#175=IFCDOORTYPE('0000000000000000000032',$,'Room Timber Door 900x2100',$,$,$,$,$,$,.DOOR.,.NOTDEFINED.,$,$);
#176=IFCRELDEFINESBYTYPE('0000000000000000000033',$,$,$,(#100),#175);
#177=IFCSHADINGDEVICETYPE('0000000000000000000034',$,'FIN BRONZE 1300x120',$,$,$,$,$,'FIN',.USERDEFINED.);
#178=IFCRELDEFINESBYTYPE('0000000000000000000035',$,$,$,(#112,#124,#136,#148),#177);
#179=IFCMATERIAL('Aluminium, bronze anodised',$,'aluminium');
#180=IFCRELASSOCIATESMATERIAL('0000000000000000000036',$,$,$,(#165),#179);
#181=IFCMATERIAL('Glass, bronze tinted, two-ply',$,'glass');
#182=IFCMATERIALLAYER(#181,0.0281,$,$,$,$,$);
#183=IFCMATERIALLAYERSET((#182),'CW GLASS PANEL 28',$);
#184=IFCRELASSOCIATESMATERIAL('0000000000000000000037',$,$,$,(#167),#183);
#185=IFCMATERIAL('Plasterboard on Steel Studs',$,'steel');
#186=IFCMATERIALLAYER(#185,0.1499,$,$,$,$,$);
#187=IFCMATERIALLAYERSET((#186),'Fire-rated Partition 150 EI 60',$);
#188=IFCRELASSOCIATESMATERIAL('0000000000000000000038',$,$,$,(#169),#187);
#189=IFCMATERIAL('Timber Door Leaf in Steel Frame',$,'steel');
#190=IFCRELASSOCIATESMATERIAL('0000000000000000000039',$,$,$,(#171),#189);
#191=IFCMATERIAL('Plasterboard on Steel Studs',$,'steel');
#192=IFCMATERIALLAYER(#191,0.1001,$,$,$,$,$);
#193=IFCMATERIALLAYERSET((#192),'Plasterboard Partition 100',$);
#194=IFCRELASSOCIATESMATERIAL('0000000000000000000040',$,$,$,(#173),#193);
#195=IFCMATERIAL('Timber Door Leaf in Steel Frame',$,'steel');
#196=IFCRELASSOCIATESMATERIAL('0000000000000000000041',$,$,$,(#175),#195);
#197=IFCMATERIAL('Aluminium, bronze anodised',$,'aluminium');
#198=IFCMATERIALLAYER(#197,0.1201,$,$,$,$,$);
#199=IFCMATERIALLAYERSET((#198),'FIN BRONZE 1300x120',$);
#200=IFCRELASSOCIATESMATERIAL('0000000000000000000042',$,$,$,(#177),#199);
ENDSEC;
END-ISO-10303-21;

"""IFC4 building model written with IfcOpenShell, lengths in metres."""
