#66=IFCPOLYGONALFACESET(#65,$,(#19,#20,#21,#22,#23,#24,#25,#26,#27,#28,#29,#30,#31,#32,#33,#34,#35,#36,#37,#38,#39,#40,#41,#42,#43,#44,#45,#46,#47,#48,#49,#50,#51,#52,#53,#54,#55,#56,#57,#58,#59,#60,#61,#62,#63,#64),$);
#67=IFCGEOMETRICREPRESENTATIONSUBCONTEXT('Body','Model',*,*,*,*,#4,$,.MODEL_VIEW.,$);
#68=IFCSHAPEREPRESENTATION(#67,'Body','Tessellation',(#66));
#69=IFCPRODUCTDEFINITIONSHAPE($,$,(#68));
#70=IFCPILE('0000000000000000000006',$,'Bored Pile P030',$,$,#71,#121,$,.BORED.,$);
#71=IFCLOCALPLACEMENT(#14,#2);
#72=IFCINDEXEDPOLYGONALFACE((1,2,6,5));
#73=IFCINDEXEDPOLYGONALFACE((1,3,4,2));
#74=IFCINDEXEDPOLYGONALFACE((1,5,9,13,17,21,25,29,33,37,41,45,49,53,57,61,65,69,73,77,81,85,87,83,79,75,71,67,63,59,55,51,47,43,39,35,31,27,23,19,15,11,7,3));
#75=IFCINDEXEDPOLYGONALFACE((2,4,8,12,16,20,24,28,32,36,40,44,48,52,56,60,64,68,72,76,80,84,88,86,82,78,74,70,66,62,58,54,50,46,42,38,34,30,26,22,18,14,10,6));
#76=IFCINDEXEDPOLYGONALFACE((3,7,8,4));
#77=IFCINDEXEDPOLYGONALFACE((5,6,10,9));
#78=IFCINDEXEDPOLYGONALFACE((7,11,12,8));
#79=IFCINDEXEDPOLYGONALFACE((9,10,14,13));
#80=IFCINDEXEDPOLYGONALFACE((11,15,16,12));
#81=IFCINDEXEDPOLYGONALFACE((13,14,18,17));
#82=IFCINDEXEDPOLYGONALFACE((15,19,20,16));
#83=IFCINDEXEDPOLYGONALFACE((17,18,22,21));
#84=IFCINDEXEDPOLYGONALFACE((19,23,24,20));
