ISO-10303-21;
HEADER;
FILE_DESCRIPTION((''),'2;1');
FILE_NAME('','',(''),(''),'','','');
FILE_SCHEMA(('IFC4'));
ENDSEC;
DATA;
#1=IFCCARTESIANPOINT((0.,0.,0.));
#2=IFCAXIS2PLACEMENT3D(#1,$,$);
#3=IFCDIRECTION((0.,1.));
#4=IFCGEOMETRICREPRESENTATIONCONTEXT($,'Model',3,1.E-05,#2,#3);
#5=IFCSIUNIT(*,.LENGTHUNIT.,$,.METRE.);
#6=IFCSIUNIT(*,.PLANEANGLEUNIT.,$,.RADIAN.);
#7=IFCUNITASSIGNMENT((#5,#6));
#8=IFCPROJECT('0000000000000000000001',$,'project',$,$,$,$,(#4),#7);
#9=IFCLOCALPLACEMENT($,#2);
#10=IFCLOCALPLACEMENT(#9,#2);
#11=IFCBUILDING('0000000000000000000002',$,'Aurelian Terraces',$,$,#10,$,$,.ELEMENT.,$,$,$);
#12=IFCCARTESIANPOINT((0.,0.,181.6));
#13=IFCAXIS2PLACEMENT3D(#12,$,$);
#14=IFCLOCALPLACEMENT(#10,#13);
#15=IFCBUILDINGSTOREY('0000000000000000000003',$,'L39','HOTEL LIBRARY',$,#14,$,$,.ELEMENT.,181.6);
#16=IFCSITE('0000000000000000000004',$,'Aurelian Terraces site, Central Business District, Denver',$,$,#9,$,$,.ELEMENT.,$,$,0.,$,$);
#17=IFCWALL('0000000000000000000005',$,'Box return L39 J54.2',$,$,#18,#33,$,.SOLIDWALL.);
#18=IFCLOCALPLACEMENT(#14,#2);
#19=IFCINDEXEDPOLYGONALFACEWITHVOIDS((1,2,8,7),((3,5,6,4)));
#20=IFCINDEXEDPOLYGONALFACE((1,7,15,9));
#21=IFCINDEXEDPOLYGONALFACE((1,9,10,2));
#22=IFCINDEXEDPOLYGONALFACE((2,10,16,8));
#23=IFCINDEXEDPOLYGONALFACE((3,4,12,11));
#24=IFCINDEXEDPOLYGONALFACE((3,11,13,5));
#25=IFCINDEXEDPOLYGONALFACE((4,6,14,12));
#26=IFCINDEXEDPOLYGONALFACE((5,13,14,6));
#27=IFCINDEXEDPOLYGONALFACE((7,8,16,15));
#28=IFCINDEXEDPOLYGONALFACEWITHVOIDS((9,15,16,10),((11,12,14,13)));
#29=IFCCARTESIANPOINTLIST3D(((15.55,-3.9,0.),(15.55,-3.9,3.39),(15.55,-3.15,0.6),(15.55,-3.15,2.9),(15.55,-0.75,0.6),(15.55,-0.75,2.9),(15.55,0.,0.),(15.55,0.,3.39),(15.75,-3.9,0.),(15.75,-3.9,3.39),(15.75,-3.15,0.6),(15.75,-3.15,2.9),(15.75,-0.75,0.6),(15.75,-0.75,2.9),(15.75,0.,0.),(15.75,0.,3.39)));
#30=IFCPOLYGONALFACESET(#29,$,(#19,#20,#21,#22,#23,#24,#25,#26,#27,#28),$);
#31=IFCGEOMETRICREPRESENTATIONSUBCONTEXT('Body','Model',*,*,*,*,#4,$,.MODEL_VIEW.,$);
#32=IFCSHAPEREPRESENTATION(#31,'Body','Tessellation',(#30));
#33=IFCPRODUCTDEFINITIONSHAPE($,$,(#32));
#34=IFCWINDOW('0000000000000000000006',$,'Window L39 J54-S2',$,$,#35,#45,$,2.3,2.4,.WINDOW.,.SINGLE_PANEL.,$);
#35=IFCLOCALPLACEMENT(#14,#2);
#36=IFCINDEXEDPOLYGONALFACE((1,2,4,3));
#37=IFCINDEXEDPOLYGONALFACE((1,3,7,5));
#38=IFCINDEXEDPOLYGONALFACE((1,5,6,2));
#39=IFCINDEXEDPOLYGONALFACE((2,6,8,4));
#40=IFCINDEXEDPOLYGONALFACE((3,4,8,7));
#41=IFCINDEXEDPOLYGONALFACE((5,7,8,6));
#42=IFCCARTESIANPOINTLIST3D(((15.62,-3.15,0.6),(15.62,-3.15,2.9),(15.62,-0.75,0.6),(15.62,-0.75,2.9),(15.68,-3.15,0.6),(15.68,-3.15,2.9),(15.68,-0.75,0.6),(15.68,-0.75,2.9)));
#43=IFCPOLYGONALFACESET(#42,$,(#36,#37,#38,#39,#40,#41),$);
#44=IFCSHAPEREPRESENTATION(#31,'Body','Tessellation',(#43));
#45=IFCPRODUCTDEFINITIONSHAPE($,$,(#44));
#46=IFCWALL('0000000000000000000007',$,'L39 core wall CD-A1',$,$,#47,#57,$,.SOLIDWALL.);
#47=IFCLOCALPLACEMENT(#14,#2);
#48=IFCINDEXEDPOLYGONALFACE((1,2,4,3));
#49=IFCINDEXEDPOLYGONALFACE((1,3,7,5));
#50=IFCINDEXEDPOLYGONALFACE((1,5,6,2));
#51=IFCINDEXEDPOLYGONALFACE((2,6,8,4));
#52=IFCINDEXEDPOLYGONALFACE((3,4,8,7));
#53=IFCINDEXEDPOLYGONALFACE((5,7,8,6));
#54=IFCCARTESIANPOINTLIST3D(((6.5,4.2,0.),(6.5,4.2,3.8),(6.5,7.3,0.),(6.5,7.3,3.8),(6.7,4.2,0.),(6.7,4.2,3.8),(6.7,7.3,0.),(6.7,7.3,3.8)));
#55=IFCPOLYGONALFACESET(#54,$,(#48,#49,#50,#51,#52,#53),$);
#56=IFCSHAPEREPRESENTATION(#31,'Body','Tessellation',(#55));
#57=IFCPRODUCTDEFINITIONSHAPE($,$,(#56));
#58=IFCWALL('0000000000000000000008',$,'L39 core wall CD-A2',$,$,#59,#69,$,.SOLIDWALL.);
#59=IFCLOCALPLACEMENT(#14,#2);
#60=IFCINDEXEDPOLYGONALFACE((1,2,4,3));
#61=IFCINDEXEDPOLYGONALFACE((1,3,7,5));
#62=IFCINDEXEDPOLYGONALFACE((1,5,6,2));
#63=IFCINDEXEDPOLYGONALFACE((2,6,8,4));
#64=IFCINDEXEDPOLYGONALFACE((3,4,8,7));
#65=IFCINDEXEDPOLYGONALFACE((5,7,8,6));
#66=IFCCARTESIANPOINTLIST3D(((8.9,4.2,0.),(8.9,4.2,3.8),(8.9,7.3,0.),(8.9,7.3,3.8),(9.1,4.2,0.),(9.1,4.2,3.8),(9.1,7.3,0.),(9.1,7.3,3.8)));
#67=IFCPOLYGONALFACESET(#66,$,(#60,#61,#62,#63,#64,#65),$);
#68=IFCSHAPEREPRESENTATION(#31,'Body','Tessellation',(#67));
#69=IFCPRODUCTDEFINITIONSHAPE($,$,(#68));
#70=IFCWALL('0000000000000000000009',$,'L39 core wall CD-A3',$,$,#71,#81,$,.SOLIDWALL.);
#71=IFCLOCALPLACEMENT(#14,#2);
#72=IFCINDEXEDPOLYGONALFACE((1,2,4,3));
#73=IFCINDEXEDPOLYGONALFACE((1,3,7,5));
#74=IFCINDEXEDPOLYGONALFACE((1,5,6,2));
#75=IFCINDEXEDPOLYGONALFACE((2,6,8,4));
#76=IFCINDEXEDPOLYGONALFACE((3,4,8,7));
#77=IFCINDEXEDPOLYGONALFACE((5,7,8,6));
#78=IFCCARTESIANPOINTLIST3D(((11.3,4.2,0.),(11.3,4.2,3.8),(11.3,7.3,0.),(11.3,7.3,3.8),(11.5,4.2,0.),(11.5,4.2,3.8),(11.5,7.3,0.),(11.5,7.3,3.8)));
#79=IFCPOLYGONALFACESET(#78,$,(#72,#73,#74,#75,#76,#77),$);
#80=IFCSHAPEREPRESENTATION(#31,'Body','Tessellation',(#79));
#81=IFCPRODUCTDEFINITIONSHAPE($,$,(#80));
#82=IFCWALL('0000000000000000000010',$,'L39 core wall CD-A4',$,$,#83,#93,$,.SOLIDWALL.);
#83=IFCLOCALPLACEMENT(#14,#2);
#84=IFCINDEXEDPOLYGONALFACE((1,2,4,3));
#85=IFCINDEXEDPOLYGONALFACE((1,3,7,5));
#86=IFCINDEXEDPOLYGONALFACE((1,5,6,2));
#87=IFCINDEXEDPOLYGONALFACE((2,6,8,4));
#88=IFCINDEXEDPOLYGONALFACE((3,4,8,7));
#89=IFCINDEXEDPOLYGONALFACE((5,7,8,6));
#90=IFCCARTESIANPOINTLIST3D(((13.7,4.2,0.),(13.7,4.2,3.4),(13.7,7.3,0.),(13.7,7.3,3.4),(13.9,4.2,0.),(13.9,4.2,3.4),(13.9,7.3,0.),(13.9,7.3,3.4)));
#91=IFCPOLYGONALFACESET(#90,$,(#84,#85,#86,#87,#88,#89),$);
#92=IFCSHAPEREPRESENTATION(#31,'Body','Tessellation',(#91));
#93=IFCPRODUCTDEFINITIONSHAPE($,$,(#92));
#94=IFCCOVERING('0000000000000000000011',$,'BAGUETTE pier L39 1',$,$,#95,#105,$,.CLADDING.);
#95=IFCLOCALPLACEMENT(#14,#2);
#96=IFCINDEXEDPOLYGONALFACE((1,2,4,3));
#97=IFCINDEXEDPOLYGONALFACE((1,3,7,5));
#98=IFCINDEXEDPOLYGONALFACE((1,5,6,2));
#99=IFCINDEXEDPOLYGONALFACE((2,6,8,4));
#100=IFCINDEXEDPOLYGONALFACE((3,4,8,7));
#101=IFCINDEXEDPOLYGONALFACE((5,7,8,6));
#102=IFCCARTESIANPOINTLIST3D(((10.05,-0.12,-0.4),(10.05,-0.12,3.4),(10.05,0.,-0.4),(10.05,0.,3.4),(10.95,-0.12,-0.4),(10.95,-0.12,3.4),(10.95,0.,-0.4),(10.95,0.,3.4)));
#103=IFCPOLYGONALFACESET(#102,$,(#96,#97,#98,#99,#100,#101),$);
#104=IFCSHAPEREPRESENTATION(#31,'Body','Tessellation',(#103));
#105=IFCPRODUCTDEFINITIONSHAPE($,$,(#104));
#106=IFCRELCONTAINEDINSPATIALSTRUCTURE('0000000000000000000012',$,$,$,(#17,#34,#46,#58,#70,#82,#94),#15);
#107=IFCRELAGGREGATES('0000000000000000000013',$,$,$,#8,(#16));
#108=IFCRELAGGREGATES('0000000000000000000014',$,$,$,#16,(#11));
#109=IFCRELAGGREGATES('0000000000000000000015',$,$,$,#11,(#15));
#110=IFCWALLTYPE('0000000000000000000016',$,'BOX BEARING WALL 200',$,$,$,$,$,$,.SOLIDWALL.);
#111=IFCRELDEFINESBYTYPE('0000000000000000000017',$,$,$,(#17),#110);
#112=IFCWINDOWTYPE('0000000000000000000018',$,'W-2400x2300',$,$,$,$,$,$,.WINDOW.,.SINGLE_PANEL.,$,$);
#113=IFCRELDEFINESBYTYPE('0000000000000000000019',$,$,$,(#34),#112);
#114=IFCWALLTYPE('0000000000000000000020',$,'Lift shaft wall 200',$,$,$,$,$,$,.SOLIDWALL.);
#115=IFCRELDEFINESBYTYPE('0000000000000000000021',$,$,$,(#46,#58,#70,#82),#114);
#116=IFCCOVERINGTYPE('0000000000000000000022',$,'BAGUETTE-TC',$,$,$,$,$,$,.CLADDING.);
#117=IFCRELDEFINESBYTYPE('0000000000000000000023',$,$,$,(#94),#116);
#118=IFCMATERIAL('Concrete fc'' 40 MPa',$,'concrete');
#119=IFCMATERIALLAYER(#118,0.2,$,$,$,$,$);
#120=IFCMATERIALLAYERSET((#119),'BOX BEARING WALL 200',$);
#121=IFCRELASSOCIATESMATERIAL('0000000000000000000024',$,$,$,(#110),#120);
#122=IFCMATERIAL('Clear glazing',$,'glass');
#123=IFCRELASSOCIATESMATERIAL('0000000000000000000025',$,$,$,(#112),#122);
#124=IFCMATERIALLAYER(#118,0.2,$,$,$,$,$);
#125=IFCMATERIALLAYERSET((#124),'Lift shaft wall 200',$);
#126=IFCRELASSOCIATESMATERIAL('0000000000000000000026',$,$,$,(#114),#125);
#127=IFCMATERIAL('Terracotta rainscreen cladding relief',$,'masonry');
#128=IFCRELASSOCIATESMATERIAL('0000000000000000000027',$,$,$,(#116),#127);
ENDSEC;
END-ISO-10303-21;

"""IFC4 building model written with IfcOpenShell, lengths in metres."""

from ifc_helpers import new_model, si_unit, direction, frame, frame_2d, origin, origin_2d, place, context, subcontext, project, spatial, rectangle, extrude, source, transform, mapped, material, layer, layer_set, type_object, element, fill, save


model = new_model("IFC4")

# Units and contexts
model_context = context("Model", 3, precision=1e-05, world=origin(), true_north=direction((0.0, 1.0)))
body_context = subcontext(model_context, "Body", "Model", "MODEL_VIEW")
ifc_project = project(units=[si_unit("LENGTHUNIT", "METRE"), si_unit("PLANEANGLEUNIT", "RADIAN")], contexts=[model_context])

# Site, building, storey
site_placement = place(None, origin())
site = spatial("IfcSite", under=ifc_project, at=site_placement, Name="Aurelian Terraces site, Central Business District, Denver", CompositionType="ELEMENT", RefElevation=0.0)
building_placement = place(site_placement, origin())
building = spatial("IfcBuilding", under=site, at=building_placement, Name="Aurelian Terraces", CompositionType="ELEMENT")
storey_placement = place(building_placement, frame((0.0, 0.0, 181.6)))
storey = spatial("IfcBuildingStorey", under=building, at=storey_placement, Name="L39", Description="HOTEL LIBRARY", CompositionType="ELEMENT", Elevation=181.6)

# Shared definitions
ifc_material_1 = material(Name="Concrete fc' 40 MPa", Category="concrete")
ifc_material_2 = material(Name="Clear glazing", Category="glass")

# Wall, opening, window
ifc_layer_1 = layer(ifc_material_1, 0.2)
ifc_layer_set_1 = layer_set([ifc_layer_1], Name="BOX BEARING WALL 200")
wall_type_1 = type_object("IfcWallType", Name="BOX BEARING WALL 200", PredefinedType="SOLIDWALL", material=ifc_layer_set_1)
shared_shape_1 = source(origin(), body_context, "Body", "SweptSolid", [
    extrude(rectangle(XDim=3.9, YDim=0.2, at=frame_2d((1.95, 0.0))), origin(), (0.0, 0.0, 1.0), 3.39),
])
shared_shape_2 = source(origin(), body_context, "Body", "SweptSolid", [
    extrude(rectangle(XDim=2.4, YDim=2.3, at=frame_2d((1.2, 1.15))), frame((0.0, 0.11, 0.0), z_axis=(0.0, -1.0, 0.0), x_axis=(1.0, 0.0, 0.0)), (0.0, 0.0, 1.0), 0.22),
])
window_type_1 = type_object("IfcWindowType", Name="W-2400x2300", PartitioningType="SINGLE_PANEL", PredefinedType="WINDOW", material=ifc_material_2)
shared_shape_3 = source(origin(), body_context, "Body", "SweptSolid", [
    extrude(rectangle(XDim=2.4, YDim=2.3, at=frame_2d((1.2, 1.15))), frame((0.0, 0.03, 0.0), z_axis=(0.0, -1.0, 0.0), x_axis=(1.0, 0.0, 0.0)), (0.0, 0.0, 1.0), 0.06),
])
wall_1_placement = place(storey_placement, frame((15.65, 0.0, 0.0), z_axis=(0.0, 0.0, 1.0), x_axis=(0.0, -1.0, 0.0)))
wall_1 = element("IfcWall", 1, at=wall_1_placement, inside=storey, type_object=wall_type_1, Name="Box return L39 J54.2", PredefinedType="SOLIDWALL", context=body_context, shape_type="MappedRepresentation", body=[
    mapped(shared_shape_1, transform((0.0, 0.0, 0.0), scale=1.0)),
])
opening_1_placement = place(wall_1_placement, frame((0.75, 0.0, 0.6)))
opening_1 = element("IfcOpeningElement", 2, at=opening_1_placement, cuts=wall_1, PredefinedType="OPENING", context=body_context, shape_type="MappedRepresentation", body=[
    mapped(shared_shape_2, transform((0.0, 0.0, 0.0), scale=1.0)),
])
window_1_placement = place(opening_1_placement, origin())
window_1 = element("IfcWindow", 3, at=window_1_placement, inside=storey, type_object=window_type_1, Name="Window L39 J54-S2", OverallHeight=2.3, OverallWidth=2.4, PartitioningType="SINGLE_PANEL", PredefinedType="WINDOW", context=body_context, shape_type="MappedRepresentation", body=[
    mapped(shared_shape_3, transform((0.0, 0.0, 0.0), scale=1.0)),
])
fill(opening_1, window_1)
■ ■ ■ ■ ■
#### [What this task involves]
Would you quote everything above from the line containing "#49=IFCINDEXEDPOLYGONALFACE((1,3,7,5));" down to the line containing "#55=IFCPOLYGONALFACESET(#54,$,(#48,#49,#50,#51,#52,#53),$);"? Include both of those lines and nothing else.

#### [Reply to the exercise]
#49=IFCINDEXEDPOLYGONALFACE((1,3,7,5));
#50=IFCINDEXEDPOLYGONALFACE((1,5,6,2));
#51=IFCINDEXEDPOLYGONALFACE((2,6,8,4));
#52=IFCINDEXEDPOLYGONALFACE((3,4,8,7));
#53=IFCINDEXEDPOLYGONALFACE((5,7,8,6));
#54=IFCCARTESIANPOINTLIST3D(((6.5,4.2,0.),(6.5,4.2,3.8),(6.5,7.3,0.),(6.5,7.3,3.8),(6.7,4.2,0.),(6.7,4.2,3.8),(6.7,7.3,0.),(6.7,7.3,3.8)));
#55=IFCPOLYGONALFACESET(#54,$,(#48,#49,#50,#51,#52,#53),$);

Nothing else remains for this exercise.